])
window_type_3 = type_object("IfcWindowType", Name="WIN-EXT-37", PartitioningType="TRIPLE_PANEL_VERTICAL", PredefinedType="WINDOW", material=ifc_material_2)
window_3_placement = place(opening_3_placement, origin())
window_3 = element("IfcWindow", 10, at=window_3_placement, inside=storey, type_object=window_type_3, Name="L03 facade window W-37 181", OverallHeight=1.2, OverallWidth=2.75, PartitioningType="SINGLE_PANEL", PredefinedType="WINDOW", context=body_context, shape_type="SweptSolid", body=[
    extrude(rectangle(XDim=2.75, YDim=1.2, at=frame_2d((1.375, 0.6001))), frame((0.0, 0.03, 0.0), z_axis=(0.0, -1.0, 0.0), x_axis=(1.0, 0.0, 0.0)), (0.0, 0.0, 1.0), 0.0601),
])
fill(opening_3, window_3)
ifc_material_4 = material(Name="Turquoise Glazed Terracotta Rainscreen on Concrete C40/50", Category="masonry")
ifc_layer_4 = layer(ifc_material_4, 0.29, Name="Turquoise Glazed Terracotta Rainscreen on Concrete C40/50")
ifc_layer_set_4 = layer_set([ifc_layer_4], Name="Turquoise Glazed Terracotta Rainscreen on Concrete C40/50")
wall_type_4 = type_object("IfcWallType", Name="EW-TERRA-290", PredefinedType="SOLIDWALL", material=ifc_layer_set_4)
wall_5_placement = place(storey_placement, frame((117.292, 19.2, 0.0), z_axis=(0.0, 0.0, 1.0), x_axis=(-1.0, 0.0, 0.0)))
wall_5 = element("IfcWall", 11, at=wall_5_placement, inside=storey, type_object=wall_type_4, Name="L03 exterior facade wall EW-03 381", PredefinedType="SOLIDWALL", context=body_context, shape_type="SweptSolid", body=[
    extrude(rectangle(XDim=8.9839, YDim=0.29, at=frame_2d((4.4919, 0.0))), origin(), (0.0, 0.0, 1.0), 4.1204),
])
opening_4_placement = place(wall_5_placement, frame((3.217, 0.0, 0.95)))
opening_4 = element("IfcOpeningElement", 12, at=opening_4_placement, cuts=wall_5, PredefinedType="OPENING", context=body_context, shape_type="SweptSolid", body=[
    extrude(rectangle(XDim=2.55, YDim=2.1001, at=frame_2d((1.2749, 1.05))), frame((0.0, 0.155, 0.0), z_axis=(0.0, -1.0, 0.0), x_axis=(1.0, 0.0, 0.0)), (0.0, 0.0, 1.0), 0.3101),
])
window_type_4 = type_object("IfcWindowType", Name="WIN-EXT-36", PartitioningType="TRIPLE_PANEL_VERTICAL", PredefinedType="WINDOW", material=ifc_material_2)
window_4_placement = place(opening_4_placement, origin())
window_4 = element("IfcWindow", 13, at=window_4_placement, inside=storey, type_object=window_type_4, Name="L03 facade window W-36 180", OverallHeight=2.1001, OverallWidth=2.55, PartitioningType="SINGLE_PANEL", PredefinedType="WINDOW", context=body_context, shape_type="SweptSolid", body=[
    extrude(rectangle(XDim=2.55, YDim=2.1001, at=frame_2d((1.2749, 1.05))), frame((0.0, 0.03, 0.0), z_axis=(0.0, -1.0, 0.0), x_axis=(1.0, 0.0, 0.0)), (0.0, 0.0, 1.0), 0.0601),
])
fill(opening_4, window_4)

+ + +

Required action:
Copy out each line of the records character for character.

The completed task:
])
window_type_3 = type_object("IfcWindowType", Name="WIN-EXT-37", PartitioningType="TRIPLE_PANEL_VERTICAL", PredefinedType="WINDOW", material=ifc_material_2)
window_3_placement = place(opening_3_placement, origin())
window_3 = element("IfcWindow", 10, at=window_3_placement, inside=storey, type_object=window_type_3, Name="L03 facade window W-37 181", OverallHeight=1.2, OverallWidth=2.75, PartitioningType="SINGLE_PANEL", PredefinedType="WINDOW", context=body_context, shape_type="SweptSolid", body=[
    extrude(rectangle(XDim=2.75, YDim=1.2, at=frame_2d((1.375, 0.6001))), frame((0.0, 0.03, 0.0), z_axis=(0.0, -1.0, 0.0), x_axis=(1.0, 0.0, 0.0)), (0.0, 0.0, 1.0), 0.0601),
])
fill(opening_3, window_3)
ifc_material_4 = material(Name="Turquoise Glazed Terracotta Rainscreen on Concrete C40/50", Category="masonry")
ifc_layer_4 = layer(ifc_material_4, 0.29, Name="Turquoise Glazed Terracotta Rainscreen on Concrete C40/50")
ifc_layer_set_4 = layer_set([ifc_layer_4], Name="Turquoise Glazed Terracotta Rainscreen on Concrete C40/50")
wall_type_4 = type_object("IfcWallType", Name="EW-TERRA-290", PredefinedType="SOLIDWALL", material=ifc_layer_set_4)
wall_5_placement = place(storey_placement, frame((117.292, 19.2, 0.0), z_axis=(0.0, 0.0, 1.0), x_axis=(-1.0, 0.0, 0.0)))
wall_5 = element("IfcWall", 11, at=wall_5_placement, inside=storey, type_object=wall_type_4, Name="L03 exterior facade wall EW-03 381", PredefinedType="SOLIDWALL", context=body_context, shape_type="SweptSolid", body=[
    extrude(rectangle(XDim=8.9839, YDim=0.29, at=frame_2d((4.4919, 0.0))), origin(), (0.0, 0.0, 1.0), 4.1204),
])
opening_4_placement = place(wall_5_placement, frame((3.217, 0.0, 0.95)))
opening_4 = element("IfcOpeningElement", 12, at=opening_4_placement, cuts=wall_5, PredefinedType="OPENING", context=body_context, shape_type="SweptSolid", body=[
    extrude(rectangle(XDim=2.55, YDim=2.1001, at=frame_2d((1.2749, 1.05))), frame((0.0, 0.155, 0.0), z_axis=(0.0, -1.0, 0.0), x_axis=(1.0, 0.0, 0.0)), (0.0, 0.0, 1.0), 0.3101),
])
window_type_4 = type_object("IfcWindowType", Name="WIN-EXT-36", PartitioningType="TRIPLE_PANEL_VERTICAL", PredefinedType="WINDOW", material=ifc_material_2)
window_4_placement = place(opening_4_placement, origin())
window_4 = element("IfcWindow", 13, at=window_4_placement, inside=storey, type_object=window_type_4, Name="L03 facade window W-36 180", OverallHeight=2.1001, OverallWidth=2.55, PartitioningType="SINGLE_PANEL", PredefinedType="WINDOW", context=body_context, shape_type="SweptSolid", body=[
    extrude(rectangle(XDim=2.55, YDim=2.1001, at=frame_2d((1.2749, 1.05))), frame((0.0, 0.03, 0.0), z_axis=(0.0, -1.0, 0.0), x_axis=(1.0, 0.0, 0.0)), (0.0, 0.0, 1.0), 0.0601),
])
fill(opening_4, window_4)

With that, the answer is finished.